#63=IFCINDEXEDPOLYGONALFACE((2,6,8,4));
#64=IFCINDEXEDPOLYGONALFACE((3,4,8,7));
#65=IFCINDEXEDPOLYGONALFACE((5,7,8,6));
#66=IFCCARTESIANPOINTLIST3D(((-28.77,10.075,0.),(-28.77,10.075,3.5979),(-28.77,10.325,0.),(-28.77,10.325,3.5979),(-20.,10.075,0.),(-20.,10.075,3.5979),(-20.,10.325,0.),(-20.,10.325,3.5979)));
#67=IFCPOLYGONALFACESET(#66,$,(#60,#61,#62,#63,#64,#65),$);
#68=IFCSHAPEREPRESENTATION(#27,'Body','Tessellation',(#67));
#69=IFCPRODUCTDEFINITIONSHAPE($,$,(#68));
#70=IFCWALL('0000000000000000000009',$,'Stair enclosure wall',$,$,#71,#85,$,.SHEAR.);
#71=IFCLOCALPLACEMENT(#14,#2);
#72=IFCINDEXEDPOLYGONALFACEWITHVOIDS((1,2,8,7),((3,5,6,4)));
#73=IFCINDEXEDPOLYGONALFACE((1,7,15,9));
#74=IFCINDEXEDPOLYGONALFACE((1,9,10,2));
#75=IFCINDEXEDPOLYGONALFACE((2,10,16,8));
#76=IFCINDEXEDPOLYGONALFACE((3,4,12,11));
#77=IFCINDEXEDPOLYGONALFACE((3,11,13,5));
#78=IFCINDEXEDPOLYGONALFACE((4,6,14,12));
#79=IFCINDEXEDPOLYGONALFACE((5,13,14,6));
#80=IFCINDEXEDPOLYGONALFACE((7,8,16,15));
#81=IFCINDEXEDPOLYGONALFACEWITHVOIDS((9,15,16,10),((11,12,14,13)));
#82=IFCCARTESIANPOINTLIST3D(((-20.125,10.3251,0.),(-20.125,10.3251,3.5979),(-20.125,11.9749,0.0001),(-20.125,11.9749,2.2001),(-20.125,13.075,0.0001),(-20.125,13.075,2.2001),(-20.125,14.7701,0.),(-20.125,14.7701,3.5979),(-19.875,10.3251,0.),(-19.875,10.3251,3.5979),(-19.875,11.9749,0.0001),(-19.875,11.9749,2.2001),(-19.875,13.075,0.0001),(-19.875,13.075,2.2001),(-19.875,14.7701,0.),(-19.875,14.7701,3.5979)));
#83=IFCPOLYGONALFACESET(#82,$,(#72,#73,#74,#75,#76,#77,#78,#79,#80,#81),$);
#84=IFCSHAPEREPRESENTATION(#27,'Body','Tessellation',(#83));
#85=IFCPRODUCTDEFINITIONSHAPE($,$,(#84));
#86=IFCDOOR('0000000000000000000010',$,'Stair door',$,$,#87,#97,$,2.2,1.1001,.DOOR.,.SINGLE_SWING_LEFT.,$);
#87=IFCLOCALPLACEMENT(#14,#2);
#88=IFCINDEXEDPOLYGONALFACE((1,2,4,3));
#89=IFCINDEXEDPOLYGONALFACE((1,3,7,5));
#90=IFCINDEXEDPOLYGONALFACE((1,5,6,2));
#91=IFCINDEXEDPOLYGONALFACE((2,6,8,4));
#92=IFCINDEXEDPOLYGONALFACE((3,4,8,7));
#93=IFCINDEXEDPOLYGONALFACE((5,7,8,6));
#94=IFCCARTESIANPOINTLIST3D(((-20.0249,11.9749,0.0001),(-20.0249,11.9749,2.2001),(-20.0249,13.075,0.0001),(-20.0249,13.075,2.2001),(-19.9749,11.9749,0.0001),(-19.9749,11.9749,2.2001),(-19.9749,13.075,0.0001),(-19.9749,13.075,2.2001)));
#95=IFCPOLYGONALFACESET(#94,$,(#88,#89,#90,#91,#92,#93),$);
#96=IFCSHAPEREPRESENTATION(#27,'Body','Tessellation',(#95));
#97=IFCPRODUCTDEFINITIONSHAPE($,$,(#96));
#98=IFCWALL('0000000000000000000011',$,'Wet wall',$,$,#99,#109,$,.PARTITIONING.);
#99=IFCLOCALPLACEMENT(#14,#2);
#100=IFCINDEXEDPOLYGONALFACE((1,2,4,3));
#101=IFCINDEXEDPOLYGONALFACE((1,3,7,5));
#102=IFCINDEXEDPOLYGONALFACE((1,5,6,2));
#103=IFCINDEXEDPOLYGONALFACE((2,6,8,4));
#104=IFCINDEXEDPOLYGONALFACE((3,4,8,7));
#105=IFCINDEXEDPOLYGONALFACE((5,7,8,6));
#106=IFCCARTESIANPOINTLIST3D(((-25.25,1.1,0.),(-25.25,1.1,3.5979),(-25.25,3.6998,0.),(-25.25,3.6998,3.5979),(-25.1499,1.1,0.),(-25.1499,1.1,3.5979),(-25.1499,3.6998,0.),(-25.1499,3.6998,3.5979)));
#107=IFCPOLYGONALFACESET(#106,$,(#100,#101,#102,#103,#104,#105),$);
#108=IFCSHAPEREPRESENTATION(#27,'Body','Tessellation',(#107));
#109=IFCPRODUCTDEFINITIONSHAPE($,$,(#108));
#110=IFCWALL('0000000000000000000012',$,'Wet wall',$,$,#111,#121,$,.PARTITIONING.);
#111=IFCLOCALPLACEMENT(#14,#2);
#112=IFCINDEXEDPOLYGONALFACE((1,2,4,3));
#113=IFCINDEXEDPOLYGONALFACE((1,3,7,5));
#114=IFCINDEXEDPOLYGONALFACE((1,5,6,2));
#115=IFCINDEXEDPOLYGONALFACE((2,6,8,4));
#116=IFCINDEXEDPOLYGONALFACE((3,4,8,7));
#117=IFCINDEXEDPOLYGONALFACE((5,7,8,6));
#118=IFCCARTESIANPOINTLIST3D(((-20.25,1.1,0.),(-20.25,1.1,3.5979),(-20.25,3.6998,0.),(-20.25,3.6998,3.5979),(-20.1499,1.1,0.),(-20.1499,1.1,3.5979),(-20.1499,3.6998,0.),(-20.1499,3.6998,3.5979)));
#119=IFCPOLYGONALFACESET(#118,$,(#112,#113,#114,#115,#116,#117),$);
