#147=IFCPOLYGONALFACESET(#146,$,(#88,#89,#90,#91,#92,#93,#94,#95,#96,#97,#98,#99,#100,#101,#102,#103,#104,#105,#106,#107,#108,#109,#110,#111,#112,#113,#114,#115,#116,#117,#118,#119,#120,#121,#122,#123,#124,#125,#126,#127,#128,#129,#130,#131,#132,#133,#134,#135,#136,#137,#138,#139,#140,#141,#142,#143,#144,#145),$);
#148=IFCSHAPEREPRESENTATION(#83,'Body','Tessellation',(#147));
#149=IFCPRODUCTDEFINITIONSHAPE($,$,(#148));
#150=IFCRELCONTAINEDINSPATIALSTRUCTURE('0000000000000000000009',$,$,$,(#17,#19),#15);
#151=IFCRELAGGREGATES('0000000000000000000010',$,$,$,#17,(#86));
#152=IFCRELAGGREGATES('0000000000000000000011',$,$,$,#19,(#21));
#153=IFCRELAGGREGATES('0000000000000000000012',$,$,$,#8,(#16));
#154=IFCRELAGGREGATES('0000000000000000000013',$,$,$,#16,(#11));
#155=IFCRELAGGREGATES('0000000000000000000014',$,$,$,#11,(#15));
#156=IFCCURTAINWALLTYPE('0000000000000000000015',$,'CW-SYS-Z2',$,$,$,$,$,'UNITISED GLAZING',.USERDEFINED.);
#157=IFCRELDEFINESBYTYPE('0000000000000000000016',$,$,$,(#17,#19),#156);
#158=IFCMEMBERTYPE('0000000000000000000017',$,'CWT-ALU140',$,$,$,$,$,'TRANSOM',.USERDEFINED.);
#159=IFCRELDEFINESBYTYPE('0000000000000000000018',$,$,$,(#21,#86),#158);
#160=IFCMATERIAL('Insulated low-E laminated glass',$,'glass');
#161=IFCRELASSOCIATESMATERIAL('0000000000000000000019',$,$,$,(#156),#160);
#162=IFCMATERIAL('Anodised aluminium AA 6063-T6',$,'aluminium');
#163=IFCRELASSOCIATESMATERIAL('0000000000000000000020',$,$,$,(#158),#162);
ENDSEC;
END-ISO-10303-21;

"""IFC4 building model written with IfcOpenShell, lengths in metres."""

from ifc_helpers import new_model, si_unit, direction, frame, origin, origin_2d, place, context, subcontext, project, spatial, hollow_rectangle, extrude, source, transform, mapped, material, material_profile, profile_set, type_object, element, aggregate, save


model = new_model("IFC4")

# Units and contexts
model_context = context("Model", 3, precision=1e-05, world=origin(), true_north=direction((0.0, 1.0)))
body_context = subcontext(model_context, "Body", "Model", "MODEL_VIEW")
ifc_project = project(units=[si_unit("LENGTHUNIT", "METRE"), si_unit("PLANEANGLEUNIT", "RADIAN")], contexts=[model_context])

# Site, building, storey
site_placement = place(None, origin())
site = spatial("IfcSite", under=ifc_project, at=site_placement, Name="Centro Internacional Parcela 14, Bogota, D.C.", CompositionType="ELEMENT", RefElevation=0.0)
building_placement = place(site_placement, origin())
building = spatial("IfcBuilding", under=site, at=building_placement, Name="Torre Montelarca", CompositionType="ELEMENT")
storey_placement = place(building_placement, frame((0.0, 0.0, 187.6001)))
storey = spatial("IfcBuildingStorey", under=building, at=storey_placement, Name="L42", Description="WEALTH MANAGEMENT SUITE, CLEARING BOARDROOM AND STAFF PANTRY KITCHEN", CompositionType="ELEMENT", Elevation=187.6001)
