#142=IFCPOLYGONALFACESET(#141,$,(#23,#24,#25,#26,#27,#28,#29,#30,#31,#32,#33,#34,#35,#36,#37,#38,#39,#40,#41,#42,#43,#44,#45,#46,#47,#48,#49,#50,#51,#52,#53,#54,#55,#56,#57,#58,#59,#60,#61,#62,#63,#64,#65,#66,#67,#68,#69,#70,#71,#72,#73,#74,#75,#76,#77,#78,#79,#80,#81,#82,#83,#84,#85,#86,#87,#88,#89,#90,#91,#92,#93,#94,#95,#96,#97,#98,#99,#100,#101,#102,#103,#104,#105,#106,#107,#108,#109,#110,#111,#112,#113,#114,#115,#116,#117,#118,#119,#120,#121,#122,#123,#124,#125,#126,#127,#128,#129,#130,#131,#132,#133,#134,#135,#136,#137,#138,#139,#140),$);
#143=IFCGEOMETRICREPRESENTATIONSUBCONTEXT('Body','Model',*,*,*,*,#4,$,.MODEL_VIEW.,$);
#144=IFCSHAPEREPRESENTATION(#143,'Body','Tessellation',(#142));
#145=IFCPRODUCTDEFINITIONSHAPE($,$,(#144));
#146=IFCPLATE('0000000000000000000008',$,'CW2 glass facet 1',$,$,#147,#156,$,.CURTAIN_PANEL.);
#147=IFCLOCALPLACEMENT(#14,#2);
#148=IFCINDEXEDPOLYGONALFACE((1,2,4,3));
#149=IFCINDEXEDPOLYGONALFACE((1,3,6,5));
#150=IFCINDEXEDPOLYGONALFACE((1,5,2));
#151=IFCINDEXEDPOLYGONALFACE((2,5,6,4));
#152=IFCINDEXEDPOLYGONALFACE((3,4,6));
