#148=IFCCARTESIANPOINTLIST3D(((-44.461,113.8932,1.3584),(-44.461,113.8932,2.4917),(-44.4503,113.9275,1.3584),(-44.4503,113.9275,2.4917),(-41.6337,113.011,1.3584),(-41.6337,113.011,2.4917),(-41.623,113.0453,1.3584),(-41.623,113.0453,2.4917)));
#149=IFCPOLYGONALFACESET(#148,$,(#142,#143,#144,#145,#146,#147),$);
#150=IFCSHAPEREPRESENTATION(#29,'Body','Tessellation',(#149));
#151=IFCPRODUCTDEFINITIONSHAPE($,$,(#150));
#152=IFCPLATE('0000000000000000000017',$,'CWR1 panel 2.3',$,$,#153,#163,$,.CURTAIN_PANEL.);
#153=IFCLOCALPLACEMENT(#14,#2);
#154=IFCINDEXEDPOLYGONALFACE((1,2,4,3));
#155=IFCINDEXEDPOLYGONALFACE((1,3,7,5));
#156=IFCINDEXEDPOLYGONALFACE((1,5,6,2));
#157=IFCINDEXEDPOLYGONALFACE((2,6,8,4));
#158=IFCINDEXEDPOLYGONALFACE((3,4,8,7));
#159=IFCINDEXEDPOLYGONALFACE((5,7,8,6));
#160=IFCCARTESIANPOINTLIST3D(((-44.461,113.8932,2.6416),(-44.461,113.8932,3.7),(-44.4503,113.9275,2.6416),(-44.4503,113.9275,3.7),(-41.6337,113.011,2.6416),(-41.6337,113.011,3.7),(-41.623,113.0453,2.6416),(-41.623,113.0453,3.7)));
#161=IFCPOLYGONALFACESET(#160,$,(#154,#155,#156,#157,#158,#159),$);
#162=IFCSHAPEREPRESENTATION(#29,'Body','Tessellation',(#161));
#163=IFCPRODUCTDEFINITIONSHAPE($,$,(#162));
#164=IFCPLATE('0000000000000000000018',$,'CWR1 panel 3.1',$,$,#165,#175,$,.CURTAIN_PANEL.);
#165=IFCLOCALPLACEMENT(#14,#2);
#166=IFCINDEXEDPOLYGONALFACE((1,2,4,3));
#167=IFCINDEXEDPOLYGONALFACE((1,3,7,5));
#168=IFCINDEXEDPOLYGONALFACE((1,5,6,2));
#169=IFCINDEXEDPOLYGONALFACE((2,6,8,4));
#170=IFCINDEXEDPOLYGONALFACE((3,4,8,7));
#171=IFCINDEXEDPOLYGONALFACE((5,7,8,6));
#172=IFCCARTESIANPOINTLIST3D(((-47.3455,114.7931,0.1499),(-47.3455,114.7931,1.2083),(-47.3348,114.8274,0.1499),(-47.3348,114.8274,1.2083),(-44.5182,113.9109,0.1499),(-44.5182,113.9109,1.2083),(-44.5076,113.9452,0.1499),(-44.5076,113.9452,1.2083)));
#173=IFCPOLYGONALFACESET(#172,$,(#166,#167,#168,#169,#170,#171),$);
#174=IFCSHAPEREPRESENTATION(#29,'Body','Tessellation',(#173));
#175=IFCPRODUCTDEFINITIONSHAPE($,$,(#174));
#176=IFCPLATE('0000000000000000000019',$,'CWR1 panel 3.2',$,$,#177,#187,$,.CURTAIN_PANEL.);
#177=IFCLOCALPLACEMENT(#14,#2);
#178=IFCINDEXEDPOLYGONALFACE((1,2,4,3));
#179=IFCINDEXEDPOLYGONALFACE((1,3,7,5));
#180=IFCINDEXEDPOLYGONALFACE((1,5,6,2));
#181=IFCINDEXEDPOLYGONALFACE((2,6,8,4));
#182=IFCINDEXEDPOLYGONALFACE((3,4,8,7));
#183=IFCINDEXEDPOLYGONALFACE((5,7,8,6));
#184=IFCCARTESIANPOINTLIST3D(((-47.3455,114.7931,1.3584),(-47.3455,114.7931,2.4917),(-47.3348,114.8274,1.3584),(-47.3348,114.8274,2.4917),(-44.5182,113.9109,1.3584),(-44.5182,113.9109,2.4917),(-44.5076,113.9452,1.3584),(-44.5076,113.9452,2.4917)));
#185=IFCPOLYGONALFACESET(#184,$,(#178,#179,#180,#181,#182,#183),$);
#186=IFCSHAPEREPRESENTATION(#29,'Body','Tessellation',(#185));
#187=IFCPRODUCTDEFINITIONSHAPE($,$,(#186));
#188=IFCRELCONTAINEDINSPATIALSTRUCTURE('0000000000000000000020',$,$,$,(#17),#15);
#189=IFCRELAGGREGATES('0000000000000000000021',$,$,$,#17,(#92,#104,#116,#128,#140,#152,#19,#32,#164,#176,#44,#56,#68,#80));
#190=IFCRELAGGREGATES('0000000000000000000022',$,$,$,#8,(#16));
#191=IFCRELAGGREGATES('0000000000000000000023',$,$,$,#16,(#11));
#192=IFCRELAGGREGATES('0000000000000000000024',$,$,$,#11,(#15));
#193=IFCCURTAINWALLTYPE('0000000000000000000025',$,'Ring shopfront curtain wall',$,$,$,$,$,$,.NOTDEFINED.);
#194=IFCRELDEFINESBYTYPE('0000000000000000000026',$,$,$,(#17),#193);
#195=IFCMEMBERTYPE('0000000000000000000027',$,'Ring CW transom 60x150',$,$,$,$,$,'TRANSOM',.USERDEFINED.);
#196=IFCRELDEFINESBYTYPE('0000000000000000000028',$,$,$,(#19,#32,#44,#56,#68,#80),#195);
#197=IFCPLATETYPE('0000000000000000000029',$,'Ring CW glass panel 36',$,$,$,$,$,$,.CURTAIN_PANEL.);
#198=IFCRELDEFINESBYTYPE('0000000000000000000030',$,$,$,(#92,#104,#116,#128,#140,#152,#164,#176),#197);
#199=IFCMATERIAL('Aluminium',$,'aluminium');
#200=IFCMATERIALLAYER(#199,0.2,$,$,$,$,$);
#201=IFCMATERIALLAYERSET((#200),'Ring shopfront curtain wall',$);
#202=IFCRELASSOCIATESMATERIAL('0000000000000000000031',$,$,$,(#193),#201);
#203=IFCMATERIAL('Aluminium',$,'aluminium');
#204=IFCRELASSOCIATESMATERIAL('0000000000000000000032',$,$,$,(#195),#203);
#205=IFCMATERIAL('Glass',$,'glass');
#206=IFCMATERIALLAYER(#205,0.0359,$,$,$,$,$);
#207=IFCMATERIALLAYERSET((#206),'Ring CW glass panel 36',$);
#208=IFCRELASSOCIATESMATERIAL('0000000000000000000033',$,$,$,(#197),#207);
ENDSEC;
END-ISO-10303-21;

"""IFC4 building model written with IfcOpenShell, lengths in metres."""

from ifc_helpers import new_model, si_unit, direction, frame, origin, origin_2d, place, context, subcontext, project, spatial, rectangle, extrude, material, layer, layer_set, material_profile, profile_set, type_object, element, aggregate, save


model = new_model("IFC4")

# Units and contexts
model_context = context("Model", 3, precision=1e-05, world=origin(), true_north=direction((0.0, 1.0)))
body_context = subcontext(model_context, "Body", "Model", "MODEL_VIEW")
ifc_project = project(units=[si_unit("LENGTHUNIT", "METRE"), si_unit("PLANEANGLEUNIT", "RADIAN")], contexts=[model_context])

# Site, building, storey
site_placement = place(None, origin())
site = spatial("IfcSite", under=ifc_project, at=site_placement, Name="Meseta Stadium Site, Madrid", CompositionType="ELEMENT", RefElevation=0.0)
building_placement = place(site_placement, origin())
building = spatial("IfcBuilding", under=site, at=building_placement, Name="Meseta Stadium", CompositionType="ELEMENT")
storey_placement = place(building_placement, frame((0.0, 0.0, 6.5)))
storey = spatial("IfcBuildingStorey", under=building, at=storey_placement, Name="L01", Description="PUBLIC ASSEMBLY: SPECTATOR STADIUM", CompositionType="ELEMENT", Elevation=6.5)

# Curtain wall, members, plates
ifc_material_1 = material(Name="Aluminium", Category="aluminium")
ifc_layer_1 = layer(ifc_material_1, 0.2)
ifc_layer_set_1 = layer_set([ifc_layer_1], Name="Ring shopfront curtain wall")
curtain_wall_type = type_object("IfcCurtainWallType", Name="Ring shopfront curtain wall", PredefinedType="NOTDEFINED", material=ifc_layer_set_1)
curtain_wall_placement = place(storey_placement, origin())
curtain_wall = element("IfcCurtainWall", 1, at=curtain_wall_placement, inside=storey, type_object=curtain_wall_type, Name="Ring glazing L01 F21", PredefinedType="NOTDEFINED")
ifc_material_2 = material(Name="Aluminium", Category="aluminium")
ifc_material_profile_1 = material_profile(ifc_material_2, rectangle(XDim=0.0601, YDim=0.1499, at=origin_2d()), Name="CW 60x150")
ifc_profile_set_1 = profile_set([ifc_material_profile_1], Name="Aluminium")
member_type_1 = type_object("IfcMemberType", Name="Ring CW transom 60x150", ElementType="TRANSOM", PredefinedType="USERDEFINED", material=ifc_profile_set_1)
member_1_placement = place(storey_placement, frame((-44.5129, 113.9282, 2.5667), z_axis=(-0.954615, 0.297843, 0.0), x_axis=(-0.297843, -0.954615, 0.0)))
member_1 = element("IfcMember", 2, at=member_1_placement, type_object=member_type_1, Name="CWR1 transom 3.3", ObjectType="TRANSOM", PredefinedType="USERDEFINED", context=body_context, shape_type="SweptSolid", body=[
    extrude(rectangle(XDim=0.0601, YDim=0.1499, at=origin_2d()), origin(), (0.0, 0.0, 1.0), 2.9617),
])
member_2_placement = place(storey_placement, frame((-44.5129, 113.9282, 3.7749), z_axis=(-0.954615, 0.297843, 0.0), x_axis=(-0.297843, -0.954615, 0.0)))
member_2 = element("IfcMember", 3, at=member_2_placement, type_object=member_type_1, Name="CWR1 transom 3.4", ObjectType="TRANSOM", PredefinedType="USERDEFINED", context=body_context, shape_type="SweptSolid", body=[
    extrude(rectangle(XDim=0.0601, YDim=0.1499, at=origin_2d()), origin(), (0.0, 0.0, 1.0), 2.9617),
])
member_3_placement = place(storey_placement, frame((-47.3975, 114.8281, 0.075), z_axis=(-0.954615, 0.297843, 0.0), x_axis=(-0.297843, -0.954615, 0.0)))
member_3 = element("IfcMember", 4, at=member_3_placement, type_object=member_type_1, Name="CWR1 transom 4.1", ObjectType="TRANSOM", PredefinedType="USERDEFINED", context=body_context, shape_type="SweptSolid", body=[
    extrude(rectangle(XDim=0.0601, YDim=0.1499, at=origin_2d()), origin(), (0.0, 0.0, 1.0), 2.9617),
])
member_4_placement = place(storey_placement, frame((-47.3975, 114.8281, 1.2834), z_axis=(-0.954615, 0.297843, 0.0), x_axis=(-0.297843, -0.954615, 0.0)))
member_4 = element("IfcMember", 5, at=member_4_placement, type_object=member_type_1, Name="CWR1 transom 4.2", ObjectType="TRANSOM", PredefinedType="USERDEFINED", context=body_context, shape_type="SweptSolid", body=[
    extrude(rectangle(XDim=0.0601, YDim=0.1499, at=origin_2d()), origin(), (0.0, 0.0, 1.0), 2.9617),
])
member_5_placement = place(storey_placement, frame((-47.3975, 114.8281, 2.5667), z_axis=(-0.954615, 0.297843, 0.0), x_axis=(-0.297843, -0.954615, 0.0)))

==================================================

§ **EXERCISE**:
Your answer should consist solely of the lines above from the line with "#97=IFCPRODUCTDEFINITIONSHAPE($,$,(#96));" to the line with "#102=IFCINDEXEDPOLYGONALFACE((1,5,6,2));", both included, reproduced exactly.

§ **EXERCISE SOLUTION**:
#97=IFCPRODUCTDEFINITIONSHAPE($,$,(#96));
#98=IFCWALL('0000000000000000000011',$,'Wet wall',$,$,#99,#109,$,.PARTITIONING.);
#99=IFCLOCALPLACEMENT(#14,#2);
#100=IFCINDEXEDPOLYGONALFACE((1,2,4,3));
#101=IFCINDEXEDPOLYGONALFACE((1,3,7,5));
#102=IFCINDEXEDPOLYGONALFACE((1,5,6,2));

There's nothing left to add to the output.